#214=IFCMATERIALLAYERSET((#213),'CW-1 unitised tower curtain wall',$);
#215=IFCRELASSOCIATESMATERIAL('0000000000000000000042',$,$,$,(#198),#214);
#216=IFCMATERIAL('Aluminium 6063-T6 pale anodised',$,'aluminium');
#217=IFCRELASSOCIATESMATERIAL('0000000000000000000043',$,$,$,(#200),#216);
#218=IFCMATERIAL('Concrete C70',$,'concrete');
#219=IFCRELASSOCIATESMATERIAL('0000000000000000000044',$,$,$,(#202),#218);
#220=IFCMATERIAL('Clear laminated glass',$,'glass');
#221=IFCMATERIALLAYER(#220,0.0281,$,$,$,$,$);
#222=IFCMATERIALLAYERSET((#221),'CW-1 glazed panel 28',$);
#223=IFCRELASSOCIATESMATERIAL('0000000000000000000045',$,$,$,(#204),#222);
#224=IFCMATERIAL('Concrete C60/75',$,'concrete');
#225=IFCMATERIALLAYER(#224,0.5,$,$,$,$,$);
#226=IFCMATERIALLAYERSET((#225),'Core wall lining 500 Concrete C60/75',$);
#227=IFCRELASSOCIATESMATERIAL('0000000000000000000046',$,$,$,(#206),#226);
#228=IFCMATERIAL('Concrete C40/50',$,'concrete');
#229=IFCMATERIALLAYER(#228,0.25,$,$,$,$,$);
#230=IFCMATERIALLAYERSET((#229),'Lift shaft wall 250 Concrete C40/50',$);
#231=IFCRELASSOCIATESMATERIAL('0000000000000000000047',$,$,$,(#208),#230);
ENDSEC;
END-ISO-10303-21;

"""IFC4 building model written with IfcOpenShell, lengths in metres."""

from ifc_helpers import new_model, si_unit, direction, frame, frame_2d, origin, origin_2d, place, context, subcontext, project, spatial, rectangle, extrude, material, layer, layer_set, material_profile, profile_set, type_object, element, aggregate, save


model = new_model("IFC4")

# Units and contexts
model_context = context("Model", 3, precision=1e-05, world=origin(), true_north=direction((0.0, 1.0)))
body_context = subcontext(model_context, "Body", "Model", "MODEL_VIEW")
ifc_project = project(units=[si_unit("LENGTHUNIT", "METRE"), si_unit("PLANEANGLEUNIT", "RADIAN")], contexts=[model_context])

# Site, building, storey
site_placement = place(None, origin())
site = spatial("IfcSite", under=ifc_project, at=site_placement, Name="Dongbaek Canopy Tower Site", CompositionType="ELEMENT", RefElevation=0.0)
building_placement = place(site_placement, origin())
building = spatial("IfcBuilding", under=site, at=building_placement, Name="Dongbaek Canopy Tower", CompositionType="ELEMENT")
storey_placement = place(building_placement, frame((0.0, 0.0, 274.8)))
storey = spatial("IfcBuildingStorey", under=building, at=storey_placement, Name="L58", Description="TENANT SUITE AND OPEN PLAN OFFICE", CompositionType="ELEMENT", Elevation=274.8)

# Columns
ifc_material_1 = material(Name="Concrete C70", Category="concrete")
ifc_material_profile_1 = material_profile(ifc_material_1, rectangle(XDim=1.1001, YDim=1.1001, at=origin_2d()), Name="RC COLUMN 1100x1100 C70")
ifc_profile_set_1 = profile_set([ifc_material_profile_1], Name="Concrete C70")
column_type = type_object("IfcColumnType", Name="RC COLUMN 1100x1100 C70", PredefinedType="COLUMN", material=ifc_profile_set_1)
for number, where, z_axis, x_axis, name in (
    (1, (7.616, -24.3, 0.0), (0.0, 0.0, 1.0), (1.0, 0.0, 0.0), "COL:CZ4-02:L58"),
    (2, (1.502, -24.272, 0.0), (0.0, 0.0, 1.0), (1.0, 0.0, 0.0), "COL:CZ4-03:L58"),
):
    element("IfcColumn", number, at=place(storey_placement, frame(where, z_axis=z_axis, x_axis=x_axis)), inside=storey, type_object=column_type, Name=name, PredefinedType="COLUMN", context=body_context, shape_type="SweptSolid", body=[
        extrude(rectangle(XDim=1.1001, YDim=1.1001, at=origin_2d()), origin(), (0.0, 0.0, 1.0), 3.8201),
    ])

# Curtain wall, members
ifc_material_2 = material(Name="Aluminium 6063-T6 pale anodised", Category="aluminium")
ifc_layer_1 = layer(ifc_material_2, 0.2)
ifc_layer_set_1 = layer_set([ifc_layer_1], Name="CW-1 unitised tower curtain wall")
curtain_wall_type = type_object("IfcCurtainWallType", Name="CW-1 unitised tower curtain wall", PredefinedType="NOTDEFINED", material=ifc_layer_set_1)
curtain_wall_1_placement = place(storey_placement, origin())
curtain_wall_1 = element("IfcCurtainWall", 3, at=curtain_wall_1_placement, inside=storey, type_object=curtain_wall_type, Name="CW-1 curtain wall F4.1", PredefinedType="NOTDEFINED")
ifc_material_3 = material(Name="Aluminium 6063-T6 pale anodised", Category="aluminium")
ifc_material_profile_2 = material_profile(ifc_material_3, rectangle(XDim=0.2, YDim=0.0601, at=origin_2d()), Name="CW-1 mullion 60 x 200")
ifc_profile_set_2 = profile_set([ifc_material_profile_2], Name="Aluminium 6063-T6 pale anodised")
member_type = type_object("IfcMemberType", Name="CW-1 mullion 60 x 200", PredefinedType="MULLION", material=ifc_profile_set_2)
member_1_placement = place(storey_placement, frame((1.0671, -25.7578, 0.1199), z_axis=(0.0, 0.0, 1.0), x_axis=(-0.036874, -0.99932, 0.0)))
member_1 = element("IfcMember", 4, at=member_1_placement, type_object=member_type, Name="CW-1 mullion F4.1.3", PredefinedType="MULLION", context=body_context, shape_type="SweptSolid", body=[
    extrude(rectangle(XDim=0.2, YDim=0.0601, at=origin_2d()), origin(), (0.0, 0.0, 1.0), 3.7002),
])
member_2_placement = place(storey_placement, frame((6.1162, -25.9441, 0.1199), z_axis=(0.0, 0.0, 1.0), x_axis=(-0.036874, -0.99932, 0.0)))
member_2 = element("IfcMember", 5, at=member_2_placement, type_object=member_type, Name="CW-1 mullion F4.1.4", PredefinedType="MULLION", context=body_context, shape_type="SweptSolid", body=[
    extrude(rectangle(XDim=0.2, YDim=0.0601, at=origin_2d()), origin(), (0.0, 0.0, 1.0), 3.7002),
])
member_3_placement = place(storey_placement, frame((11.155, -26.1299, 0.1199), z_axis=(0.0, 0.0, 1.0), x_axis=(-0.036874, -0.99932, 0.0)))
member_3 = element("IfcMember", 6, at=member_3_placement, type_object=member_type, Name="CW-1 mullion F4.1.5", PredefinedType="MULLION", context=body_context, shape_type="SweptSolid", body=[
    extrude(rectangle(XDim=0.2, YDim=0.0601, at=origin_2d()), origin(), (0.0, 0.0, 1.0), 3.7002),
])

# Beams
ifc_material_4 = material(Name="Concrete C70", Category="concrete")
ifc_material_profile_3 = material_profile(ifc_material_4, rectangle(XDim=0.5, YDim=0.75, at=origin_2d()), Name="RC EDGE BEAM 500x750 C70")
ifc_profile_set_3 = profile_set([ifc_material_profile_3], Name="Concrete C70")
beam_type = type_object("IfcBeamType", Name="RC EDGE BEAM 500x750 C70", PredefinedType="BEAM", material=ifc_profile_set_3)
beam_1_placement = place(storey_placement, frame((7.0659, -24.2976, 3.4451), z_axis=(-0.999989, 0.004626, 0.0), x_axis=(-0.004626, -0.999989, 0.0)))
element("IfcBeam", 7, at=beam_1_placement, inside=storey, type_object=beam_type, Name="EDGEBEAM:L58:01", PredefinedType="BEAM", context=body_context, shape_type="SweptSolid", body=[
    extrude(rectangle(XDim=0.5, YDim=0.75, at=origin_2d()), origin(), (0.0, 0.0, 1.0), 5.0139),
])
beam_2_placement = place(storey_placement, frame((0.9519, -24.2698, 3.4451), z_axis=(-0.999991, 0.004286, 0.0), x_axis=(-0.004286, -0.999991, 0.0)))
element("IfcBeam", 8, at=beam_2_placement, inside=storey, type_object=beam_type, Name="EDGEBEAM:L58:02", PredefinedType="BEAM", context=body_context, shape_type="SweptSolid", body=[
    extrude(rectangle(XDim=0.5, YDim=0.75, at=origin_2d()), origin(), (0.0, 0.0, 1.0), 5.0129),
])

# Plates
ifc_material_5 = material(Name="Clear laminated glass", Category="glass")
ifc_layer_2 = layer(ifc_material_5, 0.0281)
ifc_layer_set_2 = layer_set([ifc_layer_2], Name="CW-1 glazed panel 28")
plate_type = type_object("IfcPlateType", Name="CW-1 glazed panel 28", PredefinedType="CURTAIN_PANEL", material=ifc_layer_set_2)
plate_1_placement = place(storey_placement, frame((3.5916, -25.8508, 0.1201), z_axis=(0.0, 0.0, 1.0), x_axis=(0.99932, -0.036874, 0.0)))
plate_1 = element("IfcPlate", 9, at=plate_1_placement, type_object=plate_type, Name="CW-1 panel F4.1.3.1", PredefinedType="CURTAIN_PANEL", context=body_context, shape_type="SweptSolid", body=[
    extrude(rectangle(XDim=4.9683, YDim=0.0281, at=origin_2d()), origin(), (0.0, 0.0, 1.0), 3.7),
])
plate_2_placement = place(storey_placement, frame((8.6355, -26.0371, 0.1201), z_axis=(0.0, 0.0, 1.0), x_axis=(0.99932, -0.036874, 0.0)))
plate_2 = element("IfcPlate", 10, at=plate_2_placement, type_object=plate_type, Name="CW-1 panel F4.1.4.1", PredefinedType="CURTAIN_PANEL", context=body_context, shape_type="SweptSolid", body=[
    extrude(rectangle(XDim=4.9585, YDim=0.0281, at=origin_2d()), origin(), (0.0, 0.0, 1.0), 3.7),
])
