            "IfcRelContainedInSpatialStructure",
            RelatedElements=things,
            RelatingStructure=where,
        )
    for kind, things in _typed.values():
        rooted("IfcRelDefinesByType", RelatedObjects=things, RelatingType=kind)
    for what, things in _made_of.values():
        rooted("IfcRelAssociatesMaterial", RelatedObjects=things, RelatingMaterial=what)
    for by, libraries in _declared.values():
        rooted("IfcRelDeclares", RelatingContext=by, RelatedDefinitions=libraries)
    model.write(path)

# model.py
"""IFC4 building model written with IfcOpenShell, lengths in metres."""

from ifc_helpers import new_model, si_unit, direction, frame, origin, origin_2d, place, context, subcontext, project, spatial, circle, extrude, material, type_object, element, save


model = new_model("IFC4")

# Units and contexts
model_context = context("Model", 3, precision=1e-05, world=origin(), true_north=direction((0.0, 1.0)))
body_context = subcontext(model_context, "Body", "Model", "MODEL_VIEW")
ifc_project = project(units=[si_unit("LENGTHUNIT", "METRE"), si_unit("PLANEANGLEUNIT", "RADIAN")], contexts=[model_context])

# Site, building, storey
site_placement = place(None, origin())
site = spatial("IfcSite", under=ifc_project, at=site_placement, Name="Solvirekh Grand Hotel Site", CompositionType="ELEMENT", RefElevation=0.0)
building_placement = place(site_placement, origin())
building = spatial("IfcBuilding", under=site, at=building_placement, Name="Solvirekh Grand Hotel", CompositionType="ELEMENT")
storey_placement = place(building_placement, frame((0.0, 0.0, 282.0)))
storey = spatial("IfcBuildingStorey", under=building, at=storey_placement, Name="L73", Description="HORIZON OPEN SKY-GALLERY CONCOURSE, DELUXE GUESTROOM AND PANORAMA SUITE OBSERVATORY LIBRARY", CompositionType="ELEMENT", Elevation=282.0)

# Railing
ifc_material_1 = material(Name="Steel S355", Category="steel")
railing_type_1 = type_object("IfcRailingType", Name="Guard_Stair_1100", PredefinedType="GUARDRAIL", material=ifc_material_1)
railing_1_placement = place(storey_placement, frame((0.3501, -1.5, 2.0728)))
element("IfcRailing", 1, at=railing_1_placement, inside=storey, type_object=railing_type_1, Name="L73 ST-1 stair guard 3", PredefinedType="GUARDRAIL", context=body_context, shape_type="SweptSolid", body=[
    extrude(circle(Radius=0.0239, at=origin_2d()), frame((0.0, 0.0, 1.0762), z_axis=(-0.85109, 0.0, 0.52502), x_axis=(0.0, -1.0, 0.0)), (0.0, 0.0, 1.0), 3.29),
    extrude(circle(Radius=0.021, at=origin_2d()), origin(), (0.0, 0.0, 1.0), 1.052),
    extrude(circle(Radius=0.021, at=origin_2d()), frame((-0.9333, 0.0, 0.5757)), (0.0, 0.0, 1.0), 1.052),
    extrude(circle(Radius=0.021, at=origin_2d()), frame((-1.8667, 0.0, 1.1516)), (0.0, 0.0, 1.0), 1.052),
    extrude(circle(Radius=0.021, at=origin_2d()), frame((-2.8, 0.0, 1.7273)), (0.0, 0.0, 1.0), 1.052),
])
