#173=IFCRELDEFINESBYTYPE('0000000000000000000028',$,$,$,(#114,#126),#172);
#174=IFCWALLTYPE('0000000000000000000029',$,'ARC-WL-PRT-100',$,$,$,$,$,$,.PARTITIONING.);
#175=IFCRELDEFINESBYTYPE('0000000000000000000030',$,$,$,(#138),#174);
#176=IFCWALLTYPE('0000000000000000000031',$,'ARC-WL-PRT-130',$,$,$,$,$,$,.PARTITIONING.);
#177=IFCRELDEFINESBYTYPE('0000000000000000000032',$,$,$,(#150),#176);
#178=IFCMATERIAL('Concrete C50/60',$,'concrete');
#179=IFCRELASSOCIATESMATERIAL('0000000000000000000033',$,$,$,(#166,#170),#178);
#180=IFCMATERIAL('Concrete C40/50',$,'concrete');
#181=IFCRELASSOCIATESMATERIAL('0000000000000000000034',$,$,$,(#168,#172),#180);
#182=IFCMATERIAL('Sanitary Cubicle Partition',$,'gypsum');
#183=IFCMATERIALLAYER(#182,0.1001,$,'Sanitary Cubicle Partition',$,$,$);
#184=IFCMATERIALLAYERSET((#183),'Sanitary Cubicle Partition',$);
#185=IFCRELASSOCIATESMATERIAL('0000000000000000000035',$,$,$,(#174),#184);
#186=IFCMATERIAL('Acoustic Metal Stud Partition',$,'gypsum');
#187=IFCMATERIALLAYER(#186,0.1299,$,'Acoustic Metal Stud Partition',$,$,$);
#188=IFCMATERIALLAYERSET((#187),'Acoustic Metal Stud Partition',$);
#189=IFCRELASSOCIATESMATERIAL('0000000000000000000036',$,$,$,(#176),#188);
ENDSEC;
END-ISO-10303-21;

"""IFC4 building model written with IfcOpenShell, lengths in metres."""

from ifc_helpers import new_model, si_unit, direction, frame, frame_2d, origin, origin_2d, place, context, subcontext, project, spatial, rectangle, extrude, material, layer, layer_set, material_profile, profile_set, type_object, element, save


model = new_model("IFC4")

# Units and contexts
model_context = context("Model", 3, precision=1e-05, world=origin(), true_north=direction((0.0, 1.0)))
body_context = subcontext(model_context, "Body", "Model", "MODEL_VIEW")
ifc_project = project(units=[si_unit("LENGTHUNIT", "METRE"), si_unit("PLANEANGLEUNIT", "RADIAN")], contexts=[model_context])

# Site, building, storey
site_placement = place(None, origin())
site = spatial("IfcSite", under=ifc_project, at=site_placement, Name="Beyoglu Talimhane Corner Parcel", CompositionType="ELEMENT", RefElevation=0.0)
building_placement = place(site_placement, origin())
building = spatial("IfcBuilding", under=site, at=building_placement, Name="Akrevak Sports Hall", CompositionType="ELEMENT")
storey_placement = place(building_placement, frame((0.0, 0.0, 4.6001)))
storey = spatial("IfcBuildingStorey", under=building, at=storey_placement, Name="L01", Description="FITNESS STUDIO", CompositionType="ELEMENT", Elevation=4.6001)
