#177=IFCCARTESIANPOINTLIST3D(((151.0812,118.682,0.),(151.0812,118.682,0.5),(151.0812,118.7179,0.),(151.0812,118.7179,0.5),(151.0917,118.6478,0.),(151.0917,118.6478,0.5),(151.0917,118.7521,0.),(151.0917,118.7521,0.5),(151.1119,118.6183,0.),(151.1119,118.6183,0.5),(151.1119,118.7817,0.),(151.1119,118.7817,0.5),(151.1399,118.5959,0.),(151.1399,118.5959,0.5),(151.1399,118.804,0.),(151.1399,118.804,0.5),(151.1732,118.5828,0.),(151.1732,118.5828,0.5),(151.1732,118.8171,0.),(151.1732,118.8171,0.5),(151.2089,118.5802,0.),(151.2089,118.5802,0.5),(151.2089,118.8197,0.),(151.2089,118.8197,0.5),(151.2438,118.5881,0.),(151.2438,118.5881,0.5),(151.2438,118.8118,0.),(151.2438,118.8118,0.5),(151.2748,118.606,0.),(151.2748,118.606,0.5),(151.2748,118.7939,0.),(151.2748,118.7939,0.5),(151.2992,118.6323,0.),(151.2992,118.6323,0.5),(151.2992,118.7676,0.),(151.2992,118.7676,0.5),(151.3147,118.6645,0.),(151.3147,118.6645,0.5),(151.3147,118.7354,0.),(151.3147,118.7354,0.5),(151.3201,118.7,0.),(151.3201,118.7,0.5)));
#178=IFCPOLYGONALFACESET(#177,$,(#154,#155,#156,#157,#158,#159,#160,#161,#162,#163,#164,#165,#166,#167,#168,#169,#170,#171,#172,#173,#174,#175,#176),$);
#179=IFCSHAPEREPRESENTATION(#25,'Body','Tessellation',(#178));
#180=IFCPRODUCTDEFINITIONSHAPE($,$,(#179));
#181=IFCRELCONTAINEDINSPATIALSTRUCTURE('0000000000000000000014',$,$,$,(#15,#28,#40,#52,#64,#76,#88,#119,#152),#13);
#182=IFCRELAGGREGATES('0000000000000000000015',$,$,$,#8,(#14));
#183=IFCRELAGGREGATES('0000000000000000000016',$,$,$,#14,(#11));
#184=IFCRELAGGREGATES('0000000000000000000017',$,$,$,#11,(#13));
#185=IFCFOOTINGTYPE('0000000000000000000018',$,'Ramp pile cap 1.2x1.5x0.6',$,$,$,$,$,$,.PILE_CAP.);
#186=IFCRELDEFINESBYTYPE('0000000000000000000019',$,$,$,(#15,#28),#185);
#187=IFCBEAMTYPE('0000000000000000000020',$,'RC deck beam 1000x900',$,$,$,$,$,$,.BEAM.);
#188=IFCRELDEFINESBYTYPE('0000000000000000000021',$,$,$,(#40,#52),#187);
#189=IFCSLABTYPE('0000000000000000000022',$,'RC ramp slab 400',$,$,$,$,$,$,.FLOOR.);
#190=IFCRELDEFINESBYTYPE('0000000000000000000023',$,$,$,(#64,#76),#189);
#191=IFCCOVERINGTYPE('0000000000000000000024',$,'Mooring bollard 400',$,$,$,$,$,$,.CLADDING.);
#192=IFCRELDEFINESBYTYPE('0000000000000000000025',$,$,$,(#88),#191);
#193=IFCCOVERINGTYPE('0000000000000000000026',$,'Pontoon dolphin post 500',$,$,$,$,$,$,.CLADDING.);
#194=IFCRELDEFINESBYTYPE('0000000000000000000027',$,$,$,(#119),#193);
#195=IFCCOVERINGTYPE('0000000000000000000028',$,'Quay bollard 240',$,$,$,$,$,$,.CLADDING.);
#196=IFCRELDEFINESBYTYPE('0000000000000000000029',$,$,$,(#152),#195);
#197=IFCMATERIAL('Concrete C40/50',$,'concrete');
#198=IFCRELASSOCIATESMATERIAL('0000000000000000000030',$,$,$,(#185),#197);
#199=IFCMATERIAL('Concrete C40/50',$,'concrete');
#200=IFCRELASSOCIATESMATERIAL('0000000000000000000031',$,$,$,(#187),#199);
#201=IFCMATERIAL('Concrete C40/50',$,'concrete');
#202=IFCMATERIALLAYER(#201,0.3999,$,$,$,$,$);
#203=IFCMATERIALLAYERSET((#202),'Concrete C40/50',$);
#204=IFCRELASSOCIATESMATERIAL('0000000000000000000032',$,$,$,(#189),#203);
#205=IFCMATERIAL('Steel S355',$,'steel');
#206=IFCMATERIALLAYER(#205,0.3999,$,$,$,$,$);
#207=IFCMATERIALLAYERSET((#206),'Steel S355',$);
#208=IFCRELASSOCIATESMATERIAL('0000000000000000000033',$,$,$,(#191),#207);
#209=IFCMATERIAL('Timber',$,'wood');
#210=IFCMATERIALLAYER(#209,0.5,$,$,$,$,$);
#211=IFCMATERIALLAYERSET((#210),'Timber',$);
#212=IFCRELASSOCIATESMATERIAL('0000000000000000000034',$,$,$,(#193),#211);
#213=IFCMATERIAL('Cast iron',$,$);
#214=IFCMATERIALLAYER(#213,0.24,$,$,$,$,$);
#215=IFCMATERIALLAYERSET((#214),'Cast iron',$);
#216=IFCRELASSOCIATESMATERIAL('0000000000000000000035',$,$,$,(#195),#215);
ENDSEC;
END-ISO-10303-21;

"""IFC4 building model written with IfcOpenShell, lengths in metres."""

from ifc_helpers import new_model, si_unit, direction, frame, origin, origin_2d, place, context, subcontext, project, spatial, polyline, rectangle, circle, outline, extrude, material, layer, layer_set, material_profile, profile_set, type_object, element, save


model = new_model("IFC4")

## EXERCISE
Only a number is wanted here: the count of lines in the listing above holding the string "Solvirekh".

## ANSWER FOR THIS EXERCISE
2